Top of Provided information
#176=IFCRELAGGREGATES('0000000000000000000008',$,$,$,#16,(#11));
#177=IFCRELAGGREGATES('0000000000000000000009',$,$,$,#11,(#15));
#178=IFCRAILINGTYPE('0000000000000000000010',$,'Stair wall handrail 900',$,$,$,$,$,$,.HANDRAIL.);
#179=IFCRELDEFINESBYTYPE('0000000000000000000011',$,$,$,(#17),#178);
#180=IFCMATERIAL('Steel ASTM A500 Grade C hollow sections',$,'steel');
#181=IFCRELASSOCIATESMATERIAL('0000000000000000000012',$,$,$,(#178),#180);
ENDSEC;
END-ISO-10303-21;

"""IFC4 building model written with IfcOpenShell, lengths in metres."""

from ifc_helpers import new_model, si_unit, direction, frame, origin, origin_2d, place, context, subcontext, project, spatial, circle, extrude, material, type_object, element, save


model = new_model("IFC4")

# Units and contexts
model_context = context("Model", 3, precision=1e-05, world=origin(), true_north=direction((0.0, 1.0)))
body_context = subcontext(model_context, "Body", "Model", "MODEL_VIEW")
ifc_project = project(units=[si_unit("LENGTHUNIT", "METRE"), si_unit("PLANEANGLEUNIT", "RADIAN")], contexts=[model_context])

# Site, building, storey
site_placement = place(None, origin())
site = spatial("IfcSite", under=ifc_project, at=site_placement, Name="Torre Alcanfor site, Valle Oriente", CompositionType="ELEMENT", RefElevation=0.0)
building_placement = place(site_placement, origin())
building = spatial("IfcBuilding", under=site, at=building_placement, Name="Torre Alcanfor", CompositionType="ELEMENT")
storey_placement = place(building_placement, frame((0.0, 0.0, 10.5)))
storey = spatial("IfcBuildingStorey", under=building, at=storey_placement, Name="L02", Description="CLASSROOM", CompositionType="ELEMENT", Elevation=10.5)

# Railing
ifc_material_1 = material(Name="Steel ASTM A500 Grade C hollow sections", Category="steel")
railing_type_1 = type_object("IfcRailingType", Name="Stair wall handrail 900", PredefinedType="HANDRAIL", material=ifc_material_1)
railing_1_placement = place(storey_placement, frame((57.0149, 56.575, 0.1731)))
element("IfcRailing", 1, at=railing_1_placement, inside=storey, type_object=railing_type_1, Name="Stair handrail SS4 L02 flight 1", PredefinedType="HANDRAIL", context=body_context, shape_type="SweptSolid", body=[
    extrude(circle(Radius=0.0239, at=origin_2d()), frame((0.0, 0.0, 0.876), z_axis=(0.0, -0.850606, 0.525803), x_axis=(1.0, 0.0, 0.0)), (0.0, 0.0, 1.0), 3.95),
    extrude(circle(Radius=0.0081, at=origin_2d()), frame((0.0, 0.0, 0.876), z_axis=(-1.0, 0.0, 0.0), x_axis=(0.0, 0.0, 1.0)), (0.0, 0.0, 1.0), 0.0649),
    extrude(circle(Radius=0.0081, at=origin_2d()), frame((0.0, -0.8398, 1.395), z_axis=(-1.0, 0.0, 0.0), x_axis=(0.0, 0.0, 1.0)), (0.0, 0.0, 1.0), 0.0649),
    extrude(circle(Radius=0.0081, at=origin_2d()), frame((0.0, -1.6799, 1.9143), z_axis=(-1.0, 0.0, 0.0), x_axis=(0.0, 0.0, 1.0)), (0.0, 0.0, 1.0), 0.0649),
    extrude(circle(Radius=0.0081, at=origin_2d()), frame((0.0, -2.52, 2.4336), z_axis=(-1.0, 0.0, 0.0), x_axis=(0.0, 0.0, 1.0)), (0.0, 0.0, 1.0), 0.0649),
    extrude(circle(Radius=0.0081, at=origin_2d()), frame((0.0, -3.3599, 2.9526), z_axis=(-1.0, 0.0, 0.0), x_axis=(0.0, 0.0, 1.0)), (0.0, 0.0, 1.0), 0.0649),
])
Bottom of Provided information
- _What the task asks_
Keeping each word as given, write out the material above.

- _Written response_
#176=IFCRELAGGREGATES('0000000000000000000008',$,$,$,#16,(#11));
#177=IFCRELAGGREGATES('0000000000000000000009',$,$,$,#11,(#15));
#178=IFCRAILINGTYPE('0000000000000000000010',$,'Stair wall handrail 900',$,$,$,$,$,$,.HANDRAIL.);
#179=IFCRELDEFINESBYTYPE('0000000000000000000011',$,$,$,(#17),#178);
#180=IFCMATERIAL('Steel ASTM A500 Grade C hollow sections',$,'steel');
#181=IFCRELASSOCIATESMATERIAL('0000000000000000000012',$,$,$,(#178),#180);
ENDSEC;
END-ISO-10303-21;

"""IFC4 building model written with IfcOpenShell, lengths in metres."""

from ifc_helpers import new_model, si_unit, direction, frame, origin, origin_2d, place, context, subcontext, project, spatial, circle, extrude, material, type_object, element, save


model = new_model("IFC4")

# Units and contexts
model_context = context("Model", 3, precision=1e-05, world=origin(), true_north=direction((0.0, 1.0)))
body_context = subcontext(model_context, "Body", "Model", "MODEL_VIEW")
ifc_project = project(units=[si_unit("LENGTHUNIT", "METRE"), si_unit("PLANEANGLEUNIT", "RADIAN")], contexts=[model_context])

# Site, building, storey
site_placement = place(None, origin())
site = spatial("IfcSite", under=ifc_project, at=site_placement, Name="Torre Alcanfor site, Valle Oriente", CompositionType="ELEMENT", RefElevation=0.0)
building_placement = place(site_placement, origin())
building = spatial("IfcBuilding", under=site, at=building_placement, Name="Torre Alcanfor", CompositionType="ELEMENT")
storey_placement = place(building_placement, frame((0.0, 0.0, 10.5)))
storey = spatial("IfcBuildingStorey", under=building, at=storey_placement, Name="L02", Description="CLASSROOM", CompositionType="ELEMENT", Elevation=10.5)

# Railing
ifc_material_1 = material(Name="Steel ASTM A500 Grade C hollow sections", Category="steel")
railing_type_1 = type_object("IfcRailingType", Name="Stair wall handrail 900", PredefinedType="HANDRAIL", material=ifc_material_1)
railing_1_placement = place(storey_placement, frame((57.0149, 56.575, 0.1731)))
element("IfcRailing", 1, at=railing_1_placement, inside=storey, type_object=railing_type_1, Name="Stair handrail SS4 L02 flight 1", PredefinedType="HANDRAIL", context=body_context, shape_type="SweptSolid", body=[
    extrude(circle(Radius=0.0239, at=origin_2d()), frame((0.0, 0.0, 0.876), z_axis=(0.0, -0.850606, 0.525803), x_axis=(1.0, 0.0, 0.0)), (0.0, 0.0, 1.0), 3.95),
    extrude(circle(Radius=0.0081, at=origin_2d()), frame((0.0, 0.0, 0.876), z_axis=(-1.0, 0.0, 0.0), x_axis=(0.0, 0.0, 1.0)), (0.0, 0.0, 1.0), 0.0649),
    extrude(circle(Radius=0.0081, at=origin_2d()), frame((0.0, -0.8398, 1.395), z_axis=(-1.0, 0.0, 0.0), x_axis=(0.0, 0.0, 1.0)), (0.0, 0.0, 1.0), 0.0649),
    extrude(circle(Radius=0.0081, at=origin_2d()), frame((0.0, -1.6799, 1.9143), z_axis=(-1.0, 0.0, 0.0), x_axis=(0.0, 0.0, 1.0)), (0.0, 0.0, 1.0), 0.0649),
    extrude(circle(Radius=0.0081, at=origin_2d()), frame((0.0, -2.52, 2.4336), z_axis=(-1.0, 0.0, 0.0), x_axis=(0.0, 0.0, 1.0)), (0.0, 0.0, 1.0), 0.0649),
    extrude(circle(Radius=0.0081, at=origin_2d()), frame((0.0, -3.3599, 2.9526), z_axis=(-1.0, 0.0, 0.0), x_axis=(0.0, 0.0, 1.0)), (0.0, 0.0, 1.0), 0.0649),
])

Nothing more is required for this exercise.